Stored data:
══════════

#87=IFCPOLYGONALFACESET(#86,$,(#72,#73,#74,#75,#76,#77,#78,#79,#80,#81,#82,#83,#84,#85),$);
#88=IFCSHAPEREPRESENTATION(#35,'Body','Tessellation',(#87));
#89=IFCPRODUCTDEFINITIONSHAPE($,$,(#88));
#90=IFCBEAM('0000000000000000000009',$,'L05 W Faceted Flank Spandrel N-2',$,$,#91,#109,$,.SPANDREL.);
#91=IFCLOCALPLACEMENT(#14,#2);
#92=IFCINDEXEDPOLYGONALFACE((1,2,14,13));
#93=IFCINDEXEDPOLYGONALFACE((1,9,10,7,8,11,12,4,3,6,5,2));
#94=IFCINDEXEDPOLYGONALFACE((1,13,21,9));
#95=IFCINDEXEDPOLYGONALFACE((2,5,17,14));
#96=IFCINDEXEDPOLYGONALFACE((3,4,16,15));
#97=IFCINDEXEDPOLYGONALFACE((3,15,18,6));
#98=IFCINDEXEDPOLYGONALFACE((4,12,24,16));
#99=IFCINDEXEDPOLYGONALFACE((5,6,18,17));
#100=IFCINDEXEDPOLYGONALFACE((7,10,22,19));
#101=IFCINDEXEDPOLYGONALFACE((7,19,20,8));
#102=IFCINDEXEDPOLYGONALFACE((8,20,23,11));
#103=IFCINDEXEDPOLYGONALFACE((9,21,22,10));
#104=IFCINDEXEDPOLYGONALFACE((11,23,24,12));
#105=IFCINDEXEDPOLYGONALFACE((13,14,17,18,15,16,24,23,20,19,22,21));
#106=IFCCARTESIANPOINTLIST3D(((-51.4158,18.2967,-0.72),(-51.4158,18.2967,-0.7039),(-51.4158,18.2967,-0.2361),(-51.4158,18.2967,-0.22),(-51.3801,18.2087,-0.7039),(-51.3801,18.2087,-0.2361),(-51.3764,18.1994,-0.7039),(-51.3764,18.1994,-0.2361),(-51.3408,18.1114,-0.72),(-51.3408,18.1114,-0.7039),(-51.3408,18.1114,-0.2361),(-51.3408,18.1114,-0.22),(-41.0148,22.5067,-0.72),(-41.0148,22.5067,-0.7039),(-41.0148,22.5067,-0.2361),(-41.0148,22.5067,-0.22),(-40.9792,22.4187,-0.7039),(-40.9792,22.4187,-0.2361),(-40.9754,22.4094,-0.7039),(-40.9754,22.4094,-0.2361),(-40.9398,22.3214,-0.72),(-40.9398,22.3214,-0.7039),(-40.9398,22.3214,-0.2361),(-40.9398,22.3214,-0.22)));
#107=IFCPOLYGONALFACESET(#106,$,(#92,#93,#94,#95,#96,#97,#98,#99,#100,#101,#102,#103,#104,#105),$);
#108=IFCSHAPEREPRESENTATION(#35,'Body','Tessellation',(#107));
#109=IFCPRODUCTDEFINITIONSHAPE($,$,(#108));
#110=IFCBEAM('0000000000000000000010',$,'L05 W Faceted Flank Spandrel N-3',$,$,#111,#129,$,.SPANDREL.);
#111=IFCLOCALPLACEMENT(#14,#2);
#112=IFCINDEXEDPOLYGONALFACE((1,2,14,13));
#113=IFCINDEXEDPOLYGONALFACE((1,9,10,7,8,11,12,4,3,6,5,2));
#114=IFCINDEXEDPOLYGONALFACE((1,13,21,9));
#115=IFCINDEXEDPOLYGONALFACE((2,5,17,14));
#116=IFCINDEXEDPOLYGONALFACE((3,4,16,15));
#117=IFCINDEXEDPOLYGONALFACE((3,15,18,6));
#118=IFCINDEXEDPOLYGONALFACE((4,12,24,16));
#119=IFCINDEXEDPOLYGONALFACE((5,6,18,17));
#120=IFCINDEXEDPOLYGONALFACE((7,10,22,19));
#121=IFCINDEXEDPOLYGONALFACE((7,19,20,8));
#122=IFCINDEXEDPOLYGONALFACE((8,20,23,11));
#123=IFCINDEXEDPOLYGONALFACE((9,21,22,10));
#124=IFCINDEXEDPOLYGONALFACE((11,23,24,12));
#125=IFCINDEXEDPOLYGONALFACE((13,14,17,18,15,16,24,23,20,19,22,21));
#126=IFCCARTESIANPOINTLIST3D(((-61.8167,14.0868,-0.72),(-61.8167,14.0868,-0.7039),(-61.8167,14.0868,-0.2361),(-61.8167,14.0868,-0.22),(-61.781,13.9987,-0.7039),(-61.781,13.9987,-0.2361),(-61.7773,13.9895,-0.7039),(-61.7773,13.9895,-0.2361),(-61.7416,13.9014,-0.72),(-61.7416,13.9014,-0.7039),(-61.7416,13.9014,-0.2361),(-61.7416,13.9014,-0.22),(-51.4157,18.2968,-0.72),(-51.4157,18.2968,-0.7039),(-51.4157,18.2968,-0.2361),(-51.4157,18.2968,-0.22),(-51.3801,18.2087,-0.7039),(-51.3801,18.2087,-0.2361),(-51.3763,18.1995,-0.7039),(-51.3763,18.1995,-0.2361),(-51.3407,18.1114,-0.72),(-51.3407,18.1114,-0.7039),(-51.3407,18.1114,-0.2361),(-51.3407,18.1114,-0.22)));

══════════

Within the data, how many lines hold "IFCPRODUCTDEFINITIONSHAPE"? Respond with only the number.

2